### Provided data

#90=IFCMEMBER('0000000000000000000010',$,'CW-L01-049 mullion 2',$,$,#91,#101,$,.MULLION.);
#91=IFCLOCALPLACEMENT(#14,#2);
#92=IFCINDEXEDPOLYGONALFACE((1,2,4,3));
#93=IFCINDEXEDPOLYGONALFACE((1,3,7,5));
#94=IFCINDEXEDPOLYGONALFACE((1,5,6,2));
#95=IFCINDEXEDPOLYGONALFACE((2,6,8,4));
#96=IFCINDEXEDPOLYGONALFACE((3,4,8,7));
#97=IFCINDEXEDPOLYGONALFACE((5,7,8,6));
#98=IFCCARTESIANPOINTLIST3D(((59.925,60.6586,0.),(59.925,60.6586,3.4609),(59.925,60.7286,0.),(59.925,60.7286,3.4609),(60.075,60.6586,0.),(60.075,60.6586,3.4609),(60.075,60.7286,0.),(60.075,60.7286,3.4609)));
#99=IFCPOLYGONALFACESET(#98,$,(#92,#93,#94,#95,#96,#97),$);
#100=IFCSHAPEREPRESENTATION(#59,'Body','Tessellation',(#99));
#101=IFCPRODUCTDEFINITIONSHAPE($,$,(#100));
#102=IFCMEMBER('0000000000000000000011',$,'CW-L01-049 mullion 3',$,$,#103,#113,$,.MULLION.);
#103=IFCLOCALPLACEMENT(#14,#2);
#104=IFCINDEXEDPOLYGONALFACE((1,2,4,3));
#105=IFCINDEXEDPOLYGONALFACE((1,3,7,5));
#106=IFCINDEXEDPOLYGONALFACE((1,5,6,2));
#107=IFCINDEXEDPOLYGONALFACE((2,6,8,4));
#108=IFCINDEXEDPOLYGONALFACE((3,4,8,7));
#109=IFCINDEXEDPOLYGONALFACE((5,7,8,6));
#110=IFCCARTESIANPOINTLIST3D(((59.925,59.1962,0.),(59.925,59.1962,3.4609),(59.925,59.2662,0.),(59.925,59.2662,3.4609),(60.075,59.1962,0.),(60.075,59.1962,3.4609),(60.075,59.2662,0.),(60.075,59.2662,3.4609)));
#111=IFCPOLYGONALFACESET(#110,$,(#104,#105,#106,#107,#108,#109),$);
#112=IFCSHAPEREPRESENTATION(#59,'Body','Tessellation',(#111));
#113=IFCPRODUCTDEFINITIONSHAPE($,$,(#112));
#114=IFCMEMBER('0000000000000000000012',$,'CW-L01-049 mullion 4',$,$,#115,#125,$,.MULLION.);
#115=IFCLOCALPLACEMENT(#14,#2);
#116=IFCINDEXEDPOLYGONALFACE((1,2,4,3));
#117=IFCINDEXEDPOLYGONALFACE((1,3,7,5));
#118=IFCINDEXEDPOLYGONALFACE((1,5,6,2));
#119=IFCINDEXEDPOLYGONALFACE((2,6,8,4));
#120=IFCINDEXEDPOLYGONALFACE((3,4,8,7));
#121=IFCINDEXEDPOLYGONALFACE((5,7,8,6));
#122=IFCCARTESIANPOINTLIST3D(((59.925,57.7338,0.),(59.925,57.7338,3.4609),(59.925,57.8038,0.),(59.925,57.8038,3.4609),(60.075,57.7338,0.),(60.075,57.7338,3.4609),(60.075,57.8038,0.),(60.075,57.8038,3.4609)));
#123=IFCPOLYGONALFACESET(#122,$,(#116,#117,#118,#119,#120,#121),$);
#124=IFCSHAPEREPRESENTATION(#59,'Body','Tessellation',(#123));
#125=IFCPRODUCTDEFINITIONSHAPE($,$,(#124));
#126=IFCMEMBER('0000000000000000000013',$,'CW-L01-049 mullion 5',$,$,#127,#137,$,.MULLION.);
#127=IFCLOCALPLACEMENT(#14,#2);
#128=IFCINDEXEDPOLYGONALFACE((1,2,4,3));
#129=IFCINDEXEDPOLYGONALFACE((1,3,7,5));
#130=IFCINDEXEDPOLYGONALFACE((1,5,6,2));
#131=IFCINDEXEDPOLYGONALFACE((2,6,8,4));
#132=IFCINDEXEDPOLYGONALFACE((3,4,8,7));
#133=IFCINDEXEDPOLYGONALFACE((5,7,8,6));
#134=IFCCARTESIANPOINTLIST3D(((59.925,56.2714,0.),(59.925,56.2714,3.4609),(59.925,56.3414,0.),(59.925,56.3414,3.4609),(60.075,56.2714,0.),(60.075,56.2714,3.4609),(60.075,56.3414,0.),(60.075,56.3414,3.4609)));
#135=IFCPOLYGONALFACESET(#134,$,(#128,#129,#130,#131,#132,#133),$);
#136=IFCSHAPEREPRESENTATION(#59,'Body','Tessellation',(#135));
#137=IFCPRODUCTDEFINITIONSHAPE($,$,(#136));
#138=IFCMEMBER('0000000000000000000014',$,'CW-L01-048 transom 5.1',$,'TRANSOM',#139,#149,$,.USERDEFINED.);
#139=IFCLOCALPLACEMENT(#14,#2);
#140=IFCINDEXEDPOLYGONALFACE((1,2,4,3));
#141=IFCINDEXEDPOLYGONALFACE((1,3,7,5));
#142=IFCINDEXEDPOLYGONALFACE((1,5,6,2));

######

→ Work task: In the listing, find every line containing the word "Tessellation" and list it.

→ Written solution:
#100=IFCSHAPEREPRESENTATION(#59,'Body','Tessellation',(#99));
#112=IFCSHAPEREPRESENTATION(#59,'Body','Tessellation',(#111));
#124=IFCSHAPEREPRESENTATION(#59,'Body','Tessellation',(#123));
#136=IFCSHAPEREPRESENTATION(#59,'Body','Tessellation',(#135));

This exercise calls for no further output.